- [The problem] When you reach the line containing "#18=IFCLOCALPLACEMENT(#14,#2);" in the data below, begin returning lines exactly as written, and stop once the line containing "#53=IFCINDEXEDPOLYGONALFACE((13,15,16,14));" has been returned.

Task data: Begin

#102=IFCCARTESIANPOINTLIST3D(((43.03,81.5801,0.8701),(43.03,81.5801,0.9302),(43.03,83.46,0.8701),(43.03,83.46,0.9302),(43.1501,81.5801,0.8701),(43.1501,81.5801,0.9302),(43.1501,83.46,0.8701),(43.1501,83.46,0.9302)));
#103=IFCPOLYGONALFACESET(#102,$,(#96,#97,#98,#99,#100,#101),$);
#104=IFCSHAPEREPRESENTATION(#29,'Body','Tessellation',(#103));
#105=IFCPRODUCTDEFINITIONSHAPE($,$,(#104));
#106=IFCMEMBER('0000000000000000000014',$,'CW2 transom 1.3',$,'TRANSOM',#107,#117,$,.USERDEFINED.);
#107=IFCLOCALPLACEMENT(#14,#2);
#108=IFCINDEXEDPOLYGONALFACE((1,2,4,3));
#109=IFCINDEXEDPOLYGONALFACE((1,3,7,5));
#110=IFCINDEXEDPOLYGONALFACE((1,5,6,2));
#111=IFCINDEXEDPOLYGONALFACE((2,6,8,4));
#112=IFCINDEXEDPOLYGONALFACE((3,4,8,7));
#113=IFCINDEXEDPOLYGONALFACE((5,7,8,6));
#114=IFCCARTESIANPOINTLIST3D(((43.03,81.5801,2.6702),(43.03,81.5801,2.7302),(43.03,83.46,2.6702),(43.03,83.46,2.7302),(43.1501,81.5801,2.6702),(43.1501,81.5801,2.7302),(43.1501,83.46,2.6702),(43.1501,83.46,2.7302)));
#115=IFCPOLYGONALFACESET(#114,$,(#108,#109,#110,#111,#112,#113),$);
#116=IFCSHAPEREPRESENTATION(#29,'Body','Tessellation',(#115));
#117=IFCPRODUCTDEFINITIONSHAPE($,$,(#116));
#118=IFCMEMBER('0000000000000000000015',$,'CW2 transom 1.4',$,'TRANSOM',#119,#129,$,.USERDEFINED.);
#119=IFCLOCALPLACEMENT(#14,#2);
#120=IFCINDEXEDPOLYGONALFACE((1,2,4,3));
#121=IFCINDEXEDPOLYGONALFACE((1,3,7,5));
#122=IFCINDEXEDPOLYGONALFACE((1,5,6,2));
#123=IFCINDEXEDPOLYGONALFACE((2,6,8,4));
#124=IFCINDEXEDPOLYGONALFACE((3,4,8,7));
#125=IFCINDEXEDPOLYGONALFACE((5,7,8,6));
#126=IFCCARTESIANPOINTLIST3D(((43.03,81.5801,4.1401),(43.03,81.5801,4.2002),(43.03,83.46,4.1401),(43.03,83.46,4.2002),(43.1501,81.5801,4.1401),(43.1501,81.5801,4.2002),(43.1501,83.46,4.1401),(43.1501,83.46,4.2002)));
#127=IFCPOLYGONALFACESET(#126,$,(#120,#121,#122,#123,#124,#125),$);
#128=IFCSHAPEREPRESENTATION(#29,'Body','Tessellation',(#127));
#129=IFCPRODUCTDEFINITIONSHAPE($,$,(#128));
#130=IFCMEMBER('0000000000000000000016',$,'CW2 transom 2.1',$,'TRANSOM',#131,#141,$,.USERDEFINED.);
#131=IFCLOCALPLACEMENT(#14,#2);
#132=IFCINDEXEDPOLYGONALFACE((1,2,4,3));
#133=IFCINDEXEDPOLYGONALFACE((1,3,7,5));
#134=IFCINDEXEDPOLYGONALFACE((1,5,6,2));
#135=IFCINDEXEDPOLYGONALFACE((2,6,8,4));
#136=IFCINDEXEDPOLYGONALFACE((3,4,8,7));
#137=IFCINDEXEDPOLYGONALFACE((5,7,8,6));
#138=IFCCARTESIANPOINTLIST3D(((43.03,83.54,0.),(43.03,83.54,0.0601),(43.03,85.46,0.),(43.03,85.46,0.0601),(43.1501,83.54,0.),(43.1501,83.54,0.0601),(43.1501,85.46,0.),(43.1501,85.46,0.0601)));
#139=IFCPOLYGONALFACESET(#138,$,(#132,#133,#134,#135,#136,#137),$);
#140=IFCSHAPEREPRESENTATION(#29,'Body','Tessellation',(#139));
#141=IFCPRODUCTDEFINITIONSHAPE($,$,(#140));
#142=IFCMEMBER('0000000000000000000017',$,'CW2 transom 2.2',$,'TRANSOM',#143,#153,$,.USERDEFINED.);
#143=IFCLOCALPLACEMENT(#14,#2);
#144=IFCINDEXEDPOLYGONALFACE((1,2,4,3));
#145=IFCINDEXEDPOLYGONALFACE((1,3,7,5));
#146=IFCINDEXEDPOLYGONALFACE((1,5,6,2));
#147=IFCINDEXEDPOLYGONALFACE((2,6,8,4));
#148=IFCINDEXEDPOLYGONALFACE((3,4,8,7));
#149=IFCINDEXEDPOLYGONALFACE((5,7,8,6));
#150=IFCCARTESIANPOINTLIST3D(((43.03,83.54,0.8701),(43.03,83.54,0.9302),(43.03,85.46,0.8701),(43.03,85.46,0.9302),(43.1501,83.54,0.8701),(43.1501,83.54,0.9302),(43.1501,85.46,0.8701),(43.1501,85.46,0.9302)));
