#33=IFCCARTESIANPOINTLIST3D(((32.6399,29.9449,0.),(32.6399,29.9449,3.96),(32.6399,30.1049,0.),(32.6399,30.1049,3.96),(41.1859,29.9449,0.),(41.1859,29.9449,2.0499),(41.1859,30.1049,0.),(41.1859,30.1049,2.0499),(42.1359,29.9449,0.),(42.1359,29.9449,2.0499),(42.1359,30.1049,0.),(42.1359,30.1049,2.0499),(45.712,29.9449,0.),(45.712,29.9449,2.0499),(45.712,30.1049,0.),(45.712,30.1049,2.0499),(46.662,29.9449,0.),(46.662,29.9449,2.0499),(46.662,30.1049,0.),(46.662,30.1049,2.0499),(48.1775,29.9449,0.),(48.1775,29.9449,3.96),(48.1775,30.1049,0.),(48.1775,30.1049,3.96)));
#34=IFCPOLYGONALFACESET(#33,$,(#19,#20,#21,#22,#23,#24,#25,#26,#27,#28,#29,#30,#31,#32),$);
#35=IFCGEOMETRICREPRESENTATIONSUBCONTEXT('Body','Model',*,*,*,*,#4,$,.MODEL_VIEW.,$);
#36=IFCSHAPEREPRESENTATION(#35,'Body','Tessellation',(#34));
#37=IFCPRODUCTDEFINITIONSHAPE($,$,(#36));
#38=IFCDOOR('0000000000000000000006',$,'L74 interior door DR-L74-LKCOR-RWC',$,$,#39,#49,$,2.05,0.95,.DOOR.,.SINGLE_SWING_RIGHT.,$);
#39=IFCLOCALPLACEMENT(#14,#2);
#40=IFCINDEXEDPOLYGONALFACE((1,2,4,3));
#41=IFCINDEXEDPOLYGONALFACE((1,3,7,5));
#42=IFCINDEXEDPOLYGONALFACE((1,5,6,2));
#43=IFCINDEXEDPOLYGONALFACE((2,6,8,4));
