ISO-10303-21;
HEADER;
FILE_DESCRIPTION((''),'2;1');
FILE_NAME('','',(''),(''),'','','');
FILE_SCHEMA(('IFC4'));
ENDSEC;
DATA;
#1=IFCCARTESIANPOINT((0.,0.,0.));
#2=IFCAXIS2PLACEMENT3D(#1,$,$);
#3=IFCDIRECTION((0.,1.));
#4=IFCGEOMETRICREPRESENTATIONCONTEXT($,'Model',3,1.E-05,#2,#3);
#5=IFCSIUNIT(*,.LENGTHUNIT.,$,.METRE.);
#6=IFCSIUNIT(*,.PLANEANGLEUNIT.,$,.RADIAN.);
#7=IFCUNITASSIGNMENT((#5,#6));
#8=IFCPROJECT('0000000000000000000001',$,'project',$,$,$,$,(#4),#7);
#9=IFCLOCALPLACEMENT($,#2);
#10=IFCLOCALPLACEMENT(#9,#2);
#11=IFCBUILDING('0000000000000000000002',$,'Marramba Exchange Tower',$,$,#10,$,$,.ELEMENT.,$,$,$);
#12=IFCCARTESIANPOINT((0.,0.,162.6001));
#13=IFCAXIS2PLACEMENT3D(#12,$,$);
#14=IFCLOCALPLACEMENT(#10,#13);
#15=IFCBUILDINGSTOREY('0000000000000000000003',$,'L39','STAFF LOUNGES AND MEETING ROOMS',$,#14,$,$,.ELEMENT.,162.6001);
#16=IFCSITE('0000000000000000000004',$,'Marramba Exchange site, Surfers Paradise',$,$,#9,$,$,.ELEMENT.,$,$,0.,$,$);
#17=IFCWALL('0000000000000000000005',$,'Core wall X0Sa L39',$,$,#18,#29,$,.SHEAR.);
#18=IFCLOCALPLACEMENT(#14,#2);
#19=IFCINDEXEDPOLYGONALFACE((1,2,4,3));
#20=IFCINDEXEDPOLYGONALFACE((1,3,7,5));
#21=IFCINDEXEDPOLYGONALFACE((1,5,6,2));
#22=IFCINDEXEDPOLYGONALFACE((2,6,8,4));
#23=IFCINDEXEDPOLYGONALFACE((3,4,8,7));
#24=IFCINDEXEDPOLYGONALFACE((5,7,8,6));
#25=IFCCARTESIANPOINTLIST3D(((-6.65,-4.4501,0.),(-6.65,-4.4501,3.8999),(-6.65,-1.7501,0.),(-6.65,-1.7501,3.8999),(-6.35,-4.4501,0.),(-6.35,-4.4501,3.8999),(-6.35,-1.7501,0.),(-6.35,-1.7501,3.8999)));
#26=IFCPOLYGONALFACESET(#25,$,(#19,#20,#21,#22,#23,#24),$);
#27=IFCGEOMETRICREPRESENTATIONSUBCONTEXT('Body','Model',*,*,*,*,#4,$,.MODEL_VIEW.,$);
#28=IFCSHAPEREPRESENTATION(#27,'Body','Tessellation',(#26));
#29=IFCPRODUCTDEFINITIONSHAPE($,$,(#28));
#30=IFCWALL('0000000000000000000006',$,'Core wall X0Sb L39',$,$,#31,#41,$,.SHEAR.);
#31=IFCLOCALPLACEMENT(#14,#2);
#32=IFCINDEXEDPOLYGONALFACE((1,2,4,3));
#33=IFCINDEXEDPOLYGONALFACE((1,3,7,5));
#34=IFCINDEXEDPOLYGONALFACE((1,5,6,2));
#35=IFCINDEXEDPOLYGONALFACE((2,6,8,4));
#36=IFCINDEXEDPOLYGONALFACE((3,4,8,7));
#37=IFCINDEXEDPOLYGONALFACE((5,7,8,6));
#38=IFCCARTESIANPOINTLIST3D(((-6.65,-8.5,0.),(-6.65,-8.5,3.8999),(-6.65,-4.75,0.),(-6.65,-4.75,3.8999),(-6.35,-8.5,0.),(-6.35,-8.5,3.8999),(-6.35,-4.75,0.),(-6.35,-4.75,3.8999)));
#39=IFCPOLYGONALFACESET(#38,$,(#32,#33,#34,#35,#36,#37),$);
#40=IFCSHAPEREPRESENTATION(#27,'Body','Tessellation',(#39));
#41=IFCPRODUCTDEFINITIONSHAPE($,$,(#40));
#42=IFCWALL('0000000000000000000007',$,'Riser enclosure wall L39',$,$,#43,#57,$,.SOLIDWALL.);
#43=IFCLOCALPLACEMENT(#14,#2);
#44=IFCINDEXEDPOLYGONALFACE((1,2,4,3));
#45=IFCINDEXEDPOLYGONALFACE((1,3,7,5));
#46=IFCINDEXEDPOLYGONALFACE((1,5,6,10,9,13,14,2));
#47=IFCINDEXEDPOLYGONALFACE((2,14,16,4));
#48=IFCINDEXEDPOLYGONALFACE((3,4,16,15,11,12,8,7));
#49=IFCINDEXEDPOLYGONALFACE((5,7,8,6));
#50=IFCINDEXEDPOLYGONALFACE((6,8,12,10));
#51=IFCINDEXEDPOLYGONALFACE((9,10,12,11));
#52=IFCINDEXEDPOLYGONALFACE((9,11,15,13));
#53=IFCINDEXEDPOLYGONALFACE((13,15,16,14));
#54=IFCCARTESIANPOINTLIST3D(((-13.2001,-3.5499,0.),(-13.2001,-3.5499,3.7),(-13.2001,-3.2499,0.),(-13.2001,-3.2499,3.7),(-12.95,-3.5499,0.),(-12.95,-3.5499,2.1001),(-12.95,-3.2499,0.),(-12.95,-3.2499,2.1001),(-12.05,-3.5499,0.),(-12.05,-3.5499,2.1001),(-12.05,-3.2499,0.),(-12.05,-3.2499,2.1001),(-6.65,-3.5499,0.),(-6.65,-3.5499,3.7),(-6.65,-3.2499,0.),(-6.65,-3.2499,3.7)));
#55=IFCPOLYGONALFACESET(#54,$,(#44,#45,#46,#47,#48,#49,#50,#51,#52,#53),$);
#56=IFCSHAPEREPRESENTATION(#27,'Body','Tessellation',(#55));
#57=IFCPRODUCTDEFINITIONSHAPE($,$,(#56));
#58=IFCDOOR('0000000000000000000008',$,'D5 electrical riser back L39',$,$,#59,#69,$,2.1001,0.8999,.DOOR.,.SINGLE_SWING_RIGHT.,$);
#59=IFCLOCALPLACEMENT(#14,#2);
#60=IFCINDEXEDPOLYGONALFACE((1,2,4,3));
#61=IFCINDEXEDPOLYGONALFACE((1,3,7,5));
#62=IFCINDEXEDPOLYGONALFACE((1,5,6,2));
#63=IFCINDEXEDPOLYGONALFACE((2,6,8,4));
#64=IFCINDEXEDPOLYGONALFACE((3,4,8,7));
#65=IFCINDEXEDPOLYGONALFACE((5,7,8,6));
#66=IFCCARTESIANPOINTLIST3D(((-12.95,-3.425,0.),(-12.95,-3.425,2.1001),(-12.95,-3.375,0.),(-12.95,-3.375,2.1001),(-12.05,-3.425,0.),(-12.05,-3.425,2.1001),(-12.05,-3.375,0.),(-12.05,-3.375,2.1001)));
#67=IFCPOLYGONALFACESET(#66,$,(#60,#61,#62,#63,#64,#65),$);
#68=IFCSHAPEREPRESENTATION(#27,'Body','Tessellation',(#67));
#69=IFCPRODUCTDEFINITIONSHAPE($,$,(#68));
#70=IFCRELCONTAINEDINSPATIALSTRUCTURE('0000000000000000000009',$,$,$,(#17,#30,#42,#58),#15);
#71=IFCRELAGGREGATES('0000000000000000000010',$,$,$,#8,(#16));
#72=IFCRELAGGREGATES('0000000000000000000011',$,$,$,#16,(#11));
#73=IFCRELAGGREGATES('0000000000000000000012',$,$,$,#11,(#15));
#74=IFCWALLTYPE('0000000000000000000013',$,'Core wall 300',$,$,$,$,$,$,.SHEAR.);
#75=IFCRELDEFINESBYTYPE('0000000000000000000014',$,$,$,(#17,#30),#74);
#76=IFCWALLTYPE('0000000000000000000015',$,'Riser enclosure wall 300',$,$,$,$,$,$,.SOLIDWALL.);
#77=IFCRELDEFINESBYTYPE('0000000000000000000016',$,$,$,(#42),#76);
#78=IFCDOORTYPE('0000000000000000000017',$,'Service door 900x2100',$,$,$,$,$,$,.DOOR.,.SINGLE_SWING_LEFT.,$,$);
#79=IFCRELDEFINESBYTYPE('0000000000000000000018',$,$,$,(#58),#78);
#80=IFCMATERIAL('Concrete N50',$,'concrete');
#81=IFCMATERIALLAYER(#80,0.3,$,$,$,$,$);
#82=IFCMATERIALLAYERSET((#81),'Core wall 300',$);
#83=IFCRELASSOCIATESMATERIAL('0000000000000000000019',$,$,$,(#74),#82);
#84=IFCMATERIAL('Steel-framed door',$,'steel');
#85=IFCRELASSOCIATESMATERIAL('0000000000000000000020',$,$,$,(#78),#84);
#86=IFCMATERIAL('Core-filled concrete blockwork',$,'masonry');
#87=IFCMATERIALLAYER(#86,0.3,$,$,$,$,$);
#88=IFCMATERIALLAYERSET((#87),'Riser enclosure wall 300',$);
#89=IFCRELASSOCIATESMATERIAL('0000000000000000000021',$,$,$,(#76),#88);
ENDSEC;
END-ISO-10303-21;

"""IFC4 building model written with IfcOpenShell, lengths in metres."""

from ifc_helpers import new_model, si_unit, direction, frame, frame_2d, origin, place, context, subcontext, project, spatial, rectangle, extrude, material, layer, layer_set, type_object, element, fill, save


model = new_model("IFC4")

# Units and contexts
model_context = context("Model", 3, precision=1e-05, world=origin(), true_north=direction((0.0, 1.0)))
body_context = subcontext(model_context, "Body", "Model", "MODEL_VIEW")
ifc_project = project(units=[si_unit("LENGTHUNIT", "METRE"), si_unit("PLANEANGLEUNIT", "RADIAN")], contexts=[model_context])

# Site, building, storey
site_placement = place(None, origin())
site = spatial("IfcSite", under=ifc_project, at=site_placement, Name="Marramba Exchange site, Surfers Paradise", CompositionType="ELEMENT", RefElevation=0.0)
building_placement = place(site_placement, origin())
building = spatial("IfcBuilding", under=site, at=building_placement, Name="Marramba Exchange Tower", CompositionType="ELEMENT")
storey_placement = place(building_placement, frame((0.0, 0.0, 162.6001)))
storey = spatial("IfcBuildingStorey", under=building, at=storey_placement, Name="L39", Description="STAFF LOUNGES AND MEETING ROOMS", CompositionType="ELEMENT", Elevation=162.6001)

# Shared definitions
ifc_material_1 = material(Name="Concrete N50", Category="concrete")
ifc_layer_1 = layer(ifc_material_1, 0.3)
ifc_layer_set_1 = layer_set([ifc_layer_1], Name="Core wall 300")
wall_type_1 = type_object("IfcWallType", Name="Core wall 300", PredefinedType="SHEAR", material=ifc_layer_set_1)
ifc_material_2 = material(Name="Steel-framed door", Category="steel")
door_type_1 = type_object("IfcDoorType", Name="Service door 900x2100", OperationType="SINGLE_SWING_LEFT", PredefinedType="DOOR", material=ifc_material_2)

# Walls
wall_1_placement = place(storey_placement, frame((-6.5, -1.75, 0.0), z_axis=(0.0, 0.0, 1.0), x_axis=(0.0, -1.0, 0.0)))
element("IfcWall", 1, at=wall_1_placement, inside=storey, type_object=wall_type_1, Name="Core wall X0Sa L39", PredefinedType="SHEAR", context=body_context, shape_type="SweptSolid", body=[
    extrude(rectangle(XDim=2.7, YDim=0.3, at=frame_2d((1.3501, 0.0))), origin(), (0.0, 0.0, 1.0), 3.8999),
])
wall_2_placement = place(storey_placement, frame((-6.5, -4.75, 0.0), z_axis=(0.0, 0.0, 1.0), x_axis=(0.0, -1.0, 0.0)))
element("IfcWall", 2, at=wall_2_placement, inside=storey, type_object=wall_type_1, Name="Core wall X0Sb L39", PredefinedType="SHEAR", context=body_context, shape_type="SweptSolid", body=[
    extrude(rectangle(XDim=3.75, YDim=0.3, at=frame_2d((1.875, 0.0))), origin(), (0.0, 0.0, 1.0), 3.8999),
])

# Wall, opening, door
ifc_material_3 = material(Name="Core-filled concrete blockwork", Category="masonry")
ifc_layer_2 = layer(ifc_material_3, 0.3)
ifc_layer_set_2 = layer_set([ifc_layer_2], Name="Riser enclosure wall 300")
wall_type_2 = type_object("IfcWallType", Name="Riser enclosure wall 300", PredefinedType="SOLIDWALL", material=ifc_layer_set_2)
wall_3_placement = place(storey_placement, frame((-13.2, -3.3999, 0.0), z_axis=(0.0, 0.0, 1.0), x_axis=(1.0, 0.0, 0.0)))
wall_3 = element("IfcWall", 3, at=wall_3_placement, inside=storey, type_object=wall_type_2, Name="Riser enclosure wall L39", PredefinedType="SOLIDWALL", context=body_context, shape_type="SweptSolid", body=[
    extrude(rectangle(XDim=6.55, YDim=0.3, at=frame_2d((3.2749, 0.0))), origin(), (0.0, 0.0, 1.0), 3.7),
])
opening_1_placement = place(wall_3_placement, frame((0.25, 0.0, 0.0)))
opening_1 = element("IfcOpeningElement", 4, at=opening_1_placement, cuts=wall_3, PredefinedType="OPENING", context=body_context, shape_type="SweptSolid", body=[
    extrude(rectangle(XDim=0.8999, YDim=2.1001, at=frame_2d((0.45, 1.05))), frame((0.0, 0.1599, 0.0), z_axis=(0.0, -1.0, 0.0), x_axis=(1.0, 0.0, 0.0)), (0.0, 0.0, 1.0), 0.3201),
])
door_1_placement = place(opening_1_placement, frame((0.8999, 0.0, 0.0), z_axis=(0.0, 0.0, 1.0), x_axis=(-1.0, 0.0, 0.0)))
door_1 = element("IfcDoor", 5, at=door_1_placement, inside=storey, type_object=door_type_1, Name="D5 electrical riser back L39", OperationType="SINGLE_SWING_RIGHT", OverallHeight=2.1001, OverallWidth=0.8999, PredefinedType="DOOR", context=body_context, shape_type="SweptSolid", body=[
    extrude(rectangle(XDim=0.8999, YDim=2.1001, at=frame_2d((0.45, 1.05))), frame((0.0, 0.0251, 0.0), z_axis=(0.0, -1.0, 0.0), x_axis=(1.0, 0.0, 0.0)), (0.0, 0.0, 1.0), 0.05),
])
fill(opening_1, door_1)

save(model, "model.ifc")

Task data: End

- [Response for this exercise]
#18=IFCLOCALPLACEMENT(#14,#2);
#19=IFCINDEXEDPOLYGONALFACE((1,2,4,3));
#20=IFCINDEXEDPOLYGONALFACE((1,3,7,5));
#21=IFCINDEXEDPOLYGONALFACE((1,5,6,2));
#22=IFCINDEXEDPOLYGONALFACE((2,6,8,4));
#23=IFCINDEXEDPOLYGONALFACE((3,4,8,7));
#24=IFCINDEXEDPOLYGONALFACE((5,7,8,6));
#25=IFCCARTESIANPOINTLIST3D(((-6.65,-4.4501,0.),(-6.65,-4.4501,3.8999),(-6.65,-1.7501,0.),(-6.65,-1.7501,3.8999),(-6.35,-4.4501,0.),(-6.35,-4.4501,3.8999),(-6.35,-1.7501,0.),(-6.35,-1.7501,3.8999)));
#26=IFCPOLYGONALFACESET(#25,$,(#19,#20,#21,#22,#23,#24),$);
#27=IFCGEOMETRICREPRESENTATIONSUBCONTEXT('Body','Model',*,*,*,*,#4,$,.MODEL_VIEW.,$);
#28=IFCSHAPEREPRESENTATION(#27,'Body','Tessellation',(#26));
#29=IFCPRODUCTDEFINITIONSHAPE($,$,(#28));
#30=IFCWALL('0000000000000000000006',$,'Core wall X0Sb L39',$,$,#31,#41,$,.SHEAR.);
#31=IFCLOCALPLACEMENT(#14,#2);
#32=IFCINDEXEDPOLYGONALFACE((1,2,4,3));
#33=IFCINDEXEDPOLYGONALFACE((1,3,7,5));
#34=IFCINDEXEDPOLYGONALFACE((1,5,6,2));
#35=IFCINDEXEDPOLYGONALFACE((2,6,8,4));
#36=IFCINDEXEDPOLYGONALFACE((3,4,8,7));
#37=IFCINDEXEDPOLYGONALFACE((5,7,8,6));
#38=IFCCARTESIANPOINTLIST3D(((-6.65,-8.5,0.),(-6.65,-8.5,3.8999),(-6.65,-4.75,0.),(-6.65,-4.75,3.8999),(-6.35,-8.5,0.),(-6.35,-8.5,3.8999),(-6.35,-4.75,0.),(-6.35,-4.75,3.8999)));
#39=IFCPOLYGONALFACESET(#38,$,(#32,#33,#34,#35,#36,#37),$);
#40=IFCSHAPEREPRESENTATION(#27,'Body','Tessellation',(#39));
#41=IFCPRODUCTDEFINITIONSHAPE($,$,(#40));
#42=IFCWALL('0000000000000000000007',$,'Riser enclosure wall L39',$,$,#43,#57,$,.SOLIDWALL.);
#43=IFCLOCALPLACEMENT(#14,#2);
#44=IFCINDEXEDPOLYGONALFACE((1,2,4,3));
#45=IFCINDEXEDPOLYGONALFACE((1,3,7,5));
#46=IFCINDEXEDPOLYGONALFACE((1,5,6,10,9,13,14,2));
#47=IFCINDEXEDPOLYGONALFACE((2,14,16,4));
#48=IFCINDEXEDPOLYGONALFACE((3,4,16,15,11,12,8,7));
#49=IFCINDEXEDPOLYGONALFACE((5,7,8,6));
#50=IFCINDEXEDPOLYGONALFACE((6,8,12,10));
#51=IFCINDEXEDPOLYGONALFACE((9,10,12,11));
#52=IFCINDEXEDPOLYGONALFACE((9,11,15,13));
#53=IFCINDEXEDPOLYGONALFACE((13,15,16,14));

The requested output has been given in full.